Look through the records below for the line holding "#196=IFCRELAGGREGATES('0000000000000000000019',$,$,$,#11,(#15));". Write it out exactly, with each following line through the line holding "#201=IFCMEMBERTYPE('0000000000000000000024',$,'CW1 transom 150".

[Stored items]
━━━━

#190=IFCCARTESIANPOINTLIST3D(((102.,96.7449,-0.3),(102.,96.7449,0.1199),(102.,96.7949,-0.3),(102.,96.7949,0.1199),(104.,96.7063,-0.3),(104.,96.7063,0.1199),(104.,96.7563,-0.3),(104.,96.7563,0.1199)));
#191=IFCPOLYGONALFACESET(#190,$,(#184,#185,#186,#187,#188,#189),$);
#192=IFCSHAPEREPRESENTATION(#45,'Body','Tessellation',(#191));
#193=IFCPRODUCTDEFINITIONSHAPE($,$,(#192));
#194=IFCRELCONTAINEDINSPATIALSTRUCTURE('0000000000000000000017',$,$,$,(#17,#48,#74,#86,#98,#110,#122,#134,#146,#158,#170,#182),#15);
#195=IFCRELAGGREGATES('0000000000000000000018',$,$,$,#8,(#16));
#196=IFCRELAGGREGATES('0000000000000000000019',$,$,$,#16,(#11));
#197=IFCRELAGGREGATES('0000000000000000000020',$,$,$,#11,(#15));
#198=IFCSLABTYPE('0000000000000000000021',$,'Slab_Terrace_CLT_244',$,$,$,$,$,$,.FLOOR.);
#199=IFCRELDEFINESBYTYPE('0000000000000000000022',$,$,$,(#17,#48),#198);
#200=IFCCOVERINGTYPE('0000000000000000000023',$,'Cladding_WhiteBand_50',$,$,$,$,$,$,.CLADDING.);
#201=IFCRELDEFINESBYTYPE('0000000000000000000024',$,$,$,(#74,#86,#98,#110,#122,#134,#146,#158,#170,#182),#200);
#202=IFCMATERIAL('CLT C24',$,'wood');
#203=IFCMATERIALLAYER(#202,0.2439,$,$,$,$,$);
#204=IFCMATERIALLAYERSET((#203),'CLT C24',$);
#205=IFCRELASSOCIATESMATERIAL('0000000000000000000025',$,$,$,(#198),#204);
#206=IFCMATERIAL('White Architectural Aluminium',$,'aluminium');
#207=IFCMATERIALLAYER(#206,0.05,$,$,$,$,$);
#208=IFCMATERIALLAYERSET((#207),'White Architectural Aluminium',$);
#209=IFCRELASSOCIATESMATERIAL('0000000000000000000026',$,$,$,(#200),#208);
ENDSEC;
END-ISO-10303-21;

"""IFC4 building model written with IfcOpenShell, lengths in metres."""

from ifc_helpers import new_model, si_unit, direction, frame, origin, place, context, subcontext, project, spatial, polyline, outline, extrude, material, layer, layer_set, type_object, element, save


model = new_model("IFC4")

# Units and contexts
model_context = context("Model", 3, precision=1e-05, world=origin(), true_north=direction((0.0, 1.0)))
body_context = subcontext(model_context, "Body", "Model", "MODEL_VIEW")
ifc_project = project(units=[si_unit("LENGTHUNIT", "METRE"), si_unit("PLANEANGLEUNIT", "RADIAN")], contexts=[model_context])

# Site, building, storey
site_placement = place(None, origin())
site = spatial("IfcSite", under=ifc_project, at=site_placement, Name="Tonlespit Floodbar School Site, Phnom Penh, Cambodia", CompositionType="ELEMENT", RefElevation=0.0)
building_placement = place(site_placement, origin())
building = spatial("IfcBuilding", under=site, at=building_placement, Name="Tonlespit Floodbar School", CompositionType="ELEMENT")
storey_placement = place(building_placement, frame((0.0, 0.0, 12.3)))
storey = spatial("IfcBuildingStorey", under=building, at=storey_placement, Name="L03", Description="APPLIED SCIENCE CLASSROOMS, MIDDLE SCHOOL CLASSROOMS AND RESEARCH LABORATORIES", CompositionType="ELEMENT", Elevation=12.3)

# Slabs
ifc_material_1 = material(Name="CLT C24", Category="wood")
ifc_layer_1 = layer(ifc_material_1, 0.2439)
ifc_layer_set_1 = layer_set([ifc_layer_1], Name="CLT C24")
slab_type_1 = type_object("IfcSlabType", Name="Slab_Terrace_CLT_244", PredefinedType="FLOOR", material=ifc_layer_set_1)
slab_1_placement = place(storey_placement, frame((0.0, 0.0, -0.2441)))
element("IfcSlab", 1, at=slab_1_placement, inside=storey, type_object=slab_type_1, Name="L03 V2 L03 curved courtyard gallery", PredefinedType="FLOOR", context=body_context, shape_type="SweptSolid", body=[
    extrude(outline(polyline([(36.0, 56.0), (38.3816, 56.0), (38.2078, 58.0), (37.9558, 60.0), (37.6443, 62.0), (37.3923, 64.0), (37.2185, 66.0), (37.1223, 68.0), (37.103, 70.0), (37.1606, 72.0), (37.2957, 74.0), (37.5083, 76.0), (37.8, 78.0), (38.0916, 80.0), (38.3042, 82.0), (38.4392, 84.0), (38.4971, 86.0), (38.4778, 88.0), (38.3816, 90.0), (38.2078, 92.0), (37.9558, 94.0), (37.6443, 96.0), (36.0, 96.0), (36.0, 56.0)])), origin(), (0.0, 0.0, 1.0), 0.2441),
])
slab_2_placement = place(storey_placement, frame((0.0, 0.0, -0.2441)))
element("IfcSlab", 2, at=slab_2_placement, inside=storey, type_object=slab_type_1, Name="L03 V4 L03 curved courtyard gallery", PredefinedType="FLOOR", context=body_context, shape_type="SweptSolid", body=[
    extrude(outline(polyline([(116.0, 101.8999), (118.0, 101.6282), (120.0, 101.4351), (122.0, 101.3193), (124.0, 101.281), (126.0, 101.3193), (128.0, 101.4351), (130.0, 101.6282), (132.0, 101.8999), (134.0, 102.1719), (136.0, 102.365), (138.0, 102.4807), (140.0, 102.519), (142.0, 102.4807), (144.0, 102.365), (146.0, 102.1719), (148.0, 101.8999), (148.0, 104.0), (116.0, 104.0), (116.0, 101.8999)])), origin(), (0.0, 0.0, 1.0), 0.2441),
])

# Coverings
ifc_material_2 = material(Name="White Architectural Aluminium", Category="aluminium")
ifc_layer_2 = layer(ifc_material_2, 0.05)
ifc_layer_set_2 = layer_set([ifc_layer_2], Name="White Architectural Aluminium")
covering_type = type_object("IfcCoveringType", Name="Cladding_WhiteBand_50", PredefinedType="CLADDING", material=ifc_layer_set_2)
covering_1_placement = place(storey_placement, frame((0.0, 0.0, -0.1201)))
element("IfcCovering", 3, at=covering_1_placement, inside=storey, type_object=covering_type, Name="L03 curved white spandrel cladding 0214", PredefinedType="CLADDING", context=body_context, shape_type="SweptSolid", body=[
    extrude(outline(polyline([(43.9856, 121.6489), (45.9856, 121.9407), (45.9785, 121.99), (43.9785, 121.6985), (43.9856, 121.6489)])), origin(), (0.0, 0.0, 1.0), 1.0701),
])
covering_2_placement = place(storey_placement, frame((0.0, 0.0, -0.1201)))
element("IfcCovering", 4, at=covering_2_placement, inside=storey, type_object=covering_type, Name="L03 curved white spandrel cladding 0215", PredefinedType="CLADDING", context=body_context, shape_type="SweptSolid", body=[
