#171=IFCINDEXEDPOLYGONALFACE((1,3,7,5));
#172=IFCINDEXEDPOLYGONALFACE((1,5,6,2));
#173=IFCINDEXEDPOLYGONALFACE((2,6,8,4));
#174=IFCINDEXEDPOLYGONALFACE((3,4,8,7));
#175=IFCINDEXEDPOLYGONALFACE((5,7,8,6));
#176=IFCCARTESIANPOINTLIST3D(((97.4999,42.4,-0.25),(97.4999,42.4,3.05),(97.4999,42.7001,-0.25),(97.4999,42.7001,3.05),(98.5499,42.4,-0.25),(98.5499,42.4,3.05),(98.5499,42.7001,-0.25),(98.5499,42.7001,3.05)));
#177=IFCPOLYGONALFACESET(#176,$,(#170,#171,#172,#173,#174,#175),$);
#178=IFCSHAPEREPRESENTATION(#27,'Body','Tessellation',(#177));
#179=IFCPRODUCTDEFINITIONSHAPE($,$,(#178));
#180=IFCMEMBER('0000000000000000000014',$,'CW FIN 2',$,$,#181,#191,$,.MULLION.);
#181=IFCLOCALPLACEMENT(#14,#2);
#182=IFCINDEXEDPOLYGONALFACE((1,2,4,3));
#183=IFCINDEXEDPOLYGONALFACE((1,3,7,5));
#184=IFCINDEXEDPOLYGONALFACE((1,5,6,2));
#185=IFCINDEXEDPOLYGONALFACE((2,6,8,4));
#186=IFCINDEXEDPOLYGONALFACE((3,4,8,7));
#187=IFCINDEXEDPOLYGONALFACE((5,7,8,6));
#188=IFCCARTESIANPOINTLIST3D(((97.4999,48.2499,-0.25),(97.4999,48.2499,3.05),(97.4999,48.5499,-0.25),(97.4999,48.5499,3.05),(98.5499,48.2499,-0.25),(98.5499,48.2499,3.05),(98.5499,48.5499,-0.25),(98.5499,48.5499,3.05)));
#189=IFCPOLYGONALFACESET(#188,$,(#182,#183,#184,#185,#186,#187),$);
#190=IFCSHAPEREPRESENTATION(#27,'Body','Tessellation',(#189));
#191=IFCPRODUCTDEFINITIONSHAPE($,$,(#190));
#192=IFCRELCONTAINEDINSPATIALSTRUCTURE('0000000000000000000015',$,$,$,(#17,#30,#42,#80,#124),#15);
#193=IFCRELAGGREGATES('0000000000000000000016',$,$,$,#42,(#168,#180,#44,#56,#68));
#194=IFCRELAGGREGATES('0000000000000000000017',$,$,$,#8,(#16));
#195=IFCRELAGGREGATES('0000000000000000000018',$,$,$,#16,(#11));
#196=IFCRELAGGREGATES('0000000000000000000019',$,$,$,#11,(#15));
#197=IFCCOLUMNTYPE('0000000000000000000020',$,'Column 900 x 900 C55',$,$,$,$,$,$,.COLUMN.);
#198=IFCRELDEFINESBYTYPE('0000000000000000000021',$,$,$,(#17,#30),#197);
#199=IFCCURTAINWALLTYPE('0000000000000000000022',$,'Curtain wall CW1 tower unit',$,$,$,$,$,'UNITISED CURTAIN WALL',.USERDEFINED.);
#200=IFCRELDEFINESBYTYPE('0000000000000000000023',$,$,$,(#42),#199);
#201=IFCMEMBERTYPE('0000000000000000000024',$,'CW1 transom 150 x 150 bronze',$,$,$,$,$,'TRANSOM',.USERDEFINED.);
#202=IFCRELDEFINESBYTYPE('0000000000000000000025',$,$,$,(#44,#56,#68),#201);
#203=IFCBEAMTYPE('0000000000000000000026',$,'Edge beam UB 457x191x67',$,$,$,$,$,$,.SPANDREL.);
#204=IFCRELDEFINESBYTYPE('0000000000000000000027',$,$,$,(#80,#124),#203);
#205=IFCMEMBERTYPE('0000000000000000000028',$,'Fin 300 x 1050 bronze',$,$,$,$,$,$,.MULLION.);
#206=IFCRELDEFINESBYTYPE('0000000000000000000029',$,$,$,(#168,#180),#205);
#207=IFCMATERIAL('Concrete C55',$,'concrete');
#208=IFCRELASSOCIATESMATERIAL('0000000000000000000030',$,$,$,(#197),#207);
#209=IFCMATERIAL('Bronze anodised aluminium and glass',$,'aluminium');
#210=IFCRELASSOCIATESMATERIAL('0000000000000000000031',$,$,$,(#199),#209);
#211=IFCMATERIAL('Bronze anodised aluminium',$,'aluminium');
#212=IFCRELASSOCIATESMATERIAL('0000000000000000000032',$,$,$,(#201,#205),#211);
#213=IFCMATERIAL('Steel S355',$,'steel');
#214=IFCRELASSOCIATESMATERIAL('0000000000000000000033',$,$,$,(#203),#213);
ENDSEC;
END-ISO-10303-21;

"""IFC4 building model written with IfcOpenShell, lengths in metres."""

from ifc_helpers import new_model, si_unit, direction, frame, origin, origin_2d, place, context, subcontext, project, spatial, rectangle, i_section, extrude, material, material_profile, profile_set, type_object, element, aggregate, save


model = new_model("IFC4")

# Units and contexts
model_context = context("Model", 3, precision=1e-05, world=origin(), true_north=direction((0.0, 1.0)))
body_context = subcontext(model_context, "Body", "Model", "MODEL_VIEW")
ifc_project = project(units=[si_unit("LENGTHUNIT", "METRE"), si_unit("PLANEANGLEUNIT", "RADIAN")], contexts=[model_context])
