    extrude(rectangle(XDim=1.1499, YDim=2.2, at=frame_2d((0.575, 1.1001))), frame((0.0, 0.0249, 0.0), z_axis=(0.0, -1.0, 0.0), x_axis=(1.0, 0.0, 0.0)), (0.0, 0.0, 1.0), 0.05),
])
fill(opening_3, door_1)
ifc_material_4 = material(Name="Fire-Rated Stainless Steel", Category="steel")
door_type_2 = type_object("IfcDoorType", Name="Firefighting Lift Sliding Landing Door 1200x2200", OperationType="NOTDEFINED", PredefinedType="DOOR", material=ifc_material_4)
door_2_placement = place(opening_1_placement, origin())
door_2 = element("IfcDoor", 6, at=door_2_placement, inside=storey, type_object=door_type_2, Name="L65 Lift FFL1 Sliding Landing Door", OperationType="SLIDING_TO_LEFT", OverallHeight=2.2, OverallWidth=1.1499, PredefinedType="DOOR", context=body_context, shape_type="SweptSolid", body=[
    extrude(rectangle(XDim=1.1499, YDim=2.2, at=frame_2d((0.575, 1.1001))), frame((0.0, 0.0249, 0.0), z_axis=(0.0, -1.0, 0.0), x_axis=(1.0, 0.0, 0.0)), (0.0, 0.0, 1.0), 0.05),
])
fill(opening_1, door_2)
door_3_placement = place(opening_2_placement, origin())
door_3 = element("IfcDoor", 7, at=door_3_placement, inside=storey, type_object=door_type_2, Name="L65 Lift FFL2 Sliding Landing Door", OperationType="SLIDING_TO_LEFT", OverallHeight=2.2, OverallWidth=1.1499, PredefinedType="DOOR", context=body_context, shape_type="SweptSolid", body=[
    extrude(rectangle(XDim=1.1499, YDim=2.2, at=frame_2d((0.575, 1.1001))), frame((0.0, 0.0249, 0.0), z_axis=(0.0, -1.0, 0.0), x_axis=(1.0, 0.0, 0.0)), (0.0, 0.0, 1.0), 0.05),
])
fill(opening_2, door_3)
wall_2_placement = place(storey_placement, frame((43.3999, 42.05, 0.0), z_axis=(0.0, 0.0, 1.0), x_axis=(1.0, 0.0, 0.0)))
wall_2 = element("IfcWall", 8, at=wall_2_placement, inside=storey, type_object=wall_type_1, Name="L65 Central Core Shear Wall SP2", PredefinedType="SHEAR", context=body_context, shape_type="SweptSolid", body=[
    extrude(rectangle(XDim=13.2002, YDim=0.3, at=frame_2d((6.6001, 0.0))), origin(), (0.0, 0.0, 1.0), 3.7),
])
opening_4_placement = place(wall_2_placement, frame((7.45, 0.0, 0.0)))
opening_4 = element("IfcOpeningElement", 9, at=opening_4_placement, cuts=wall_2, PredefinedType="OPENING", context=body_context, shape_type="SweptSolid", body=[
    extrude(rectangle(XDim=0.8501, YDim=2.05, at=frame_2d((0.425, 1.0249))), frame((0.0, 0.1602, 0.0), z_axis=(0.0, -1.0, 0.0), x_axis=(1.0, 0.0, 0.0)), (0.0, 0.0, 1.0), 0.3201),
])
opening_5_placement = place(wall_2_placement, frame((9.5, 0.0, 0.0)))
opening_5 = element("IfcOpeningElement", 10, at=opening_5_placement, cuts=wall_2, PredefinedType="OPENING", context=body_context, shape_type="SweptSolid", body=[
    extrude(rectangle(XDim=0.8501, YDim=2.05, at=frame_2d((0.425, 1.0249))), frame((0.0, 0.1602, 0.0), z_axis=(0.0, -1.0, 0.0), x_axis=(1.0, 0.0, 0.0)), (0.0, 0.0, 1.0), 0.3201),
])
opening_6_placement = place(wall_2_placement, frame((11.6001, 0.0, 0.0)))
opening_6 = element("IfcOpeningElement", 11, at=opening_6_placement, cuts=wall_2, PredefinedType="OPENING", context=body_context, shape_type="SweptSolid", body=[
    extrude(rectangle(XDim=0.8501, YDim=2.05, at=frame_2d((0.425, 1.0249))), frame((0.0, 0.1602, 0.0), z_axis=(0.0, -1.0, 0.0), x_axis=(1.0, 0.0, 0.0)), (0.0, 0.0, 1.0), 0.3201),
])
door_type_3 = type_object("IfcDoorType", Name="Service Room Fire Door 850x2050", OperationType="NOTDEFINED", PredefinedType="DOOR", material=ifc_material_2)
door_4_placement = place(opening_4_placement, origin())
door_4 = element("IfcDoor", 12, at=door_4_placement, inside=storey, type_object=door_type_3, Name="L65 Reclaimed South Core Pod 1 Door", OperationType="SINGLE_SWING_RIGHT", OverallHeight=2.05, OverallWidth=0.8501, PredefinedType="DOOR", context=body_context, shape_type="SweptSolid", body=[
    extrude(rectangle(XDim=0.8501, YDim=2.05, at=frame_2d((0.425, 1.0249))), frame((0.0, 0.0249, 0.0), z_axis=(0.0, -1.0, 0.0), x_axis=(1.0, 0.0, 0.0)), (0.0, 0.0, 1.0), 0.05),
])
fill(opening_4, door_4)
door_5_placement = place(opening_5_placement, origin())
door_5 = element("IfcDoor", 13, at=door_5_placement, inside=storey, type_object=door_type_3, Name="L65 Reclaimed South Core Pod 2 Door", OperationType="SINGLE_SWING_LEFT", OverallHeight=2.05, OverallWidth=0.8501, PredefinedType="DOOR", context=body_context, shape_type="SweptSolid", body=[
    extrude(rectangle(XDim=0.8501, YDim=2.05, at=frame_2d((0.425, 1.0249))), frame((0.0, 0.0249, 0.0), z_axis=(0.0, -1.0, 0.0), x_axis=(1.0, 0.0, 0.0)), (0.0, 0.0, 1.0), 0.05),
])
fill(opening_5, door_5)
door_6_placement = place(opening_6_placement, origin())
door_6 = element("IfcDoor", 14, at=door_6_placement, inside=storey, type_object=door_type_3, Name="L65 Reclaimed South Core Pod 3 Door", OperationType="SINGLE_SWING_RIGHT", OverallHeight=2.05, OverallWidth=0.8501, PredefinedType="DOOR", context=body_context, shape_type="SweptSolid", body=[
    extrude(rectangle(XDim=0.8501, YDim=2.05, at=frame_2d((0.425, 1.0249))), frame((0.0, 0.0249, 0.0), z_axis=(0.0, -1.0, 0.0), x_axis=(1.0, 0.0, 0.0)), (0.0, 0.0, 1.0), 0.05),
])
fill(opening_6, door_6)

━━━━

■ Answer box ■
#196=IFCRELAGGREGATES('0000000000000000000019',$,$,$,#11,(#15));
#197=IFCCOLUMNTYPE('0000000000000000000020',$,'Column 900 x 900 C55',$,$,$,$,$,$,.COLUMN.);
#198=IFCRELDEFINESBYTYPE('0000000000000000000021',$,$,$,(#17,#30),#197);
#199=IFCCURTAINWALLTYPE('0000000000000000000022',$,'Curtain wall CW1 tower unit',$,$,$,$,$,'UNITISED CURTAIN WALL',.USERDEFINED.);
#200=IFCRELDEFINESBYTYPE('0000000000000000000023',$,$,$,(#42),#199);
#201=IFCMEMBERTYPE('0000000000000000000024',$,'CW1 transom 150 x 150 bronze',$,$,$,$,$,'TRANSOM',.USERDEFINED.);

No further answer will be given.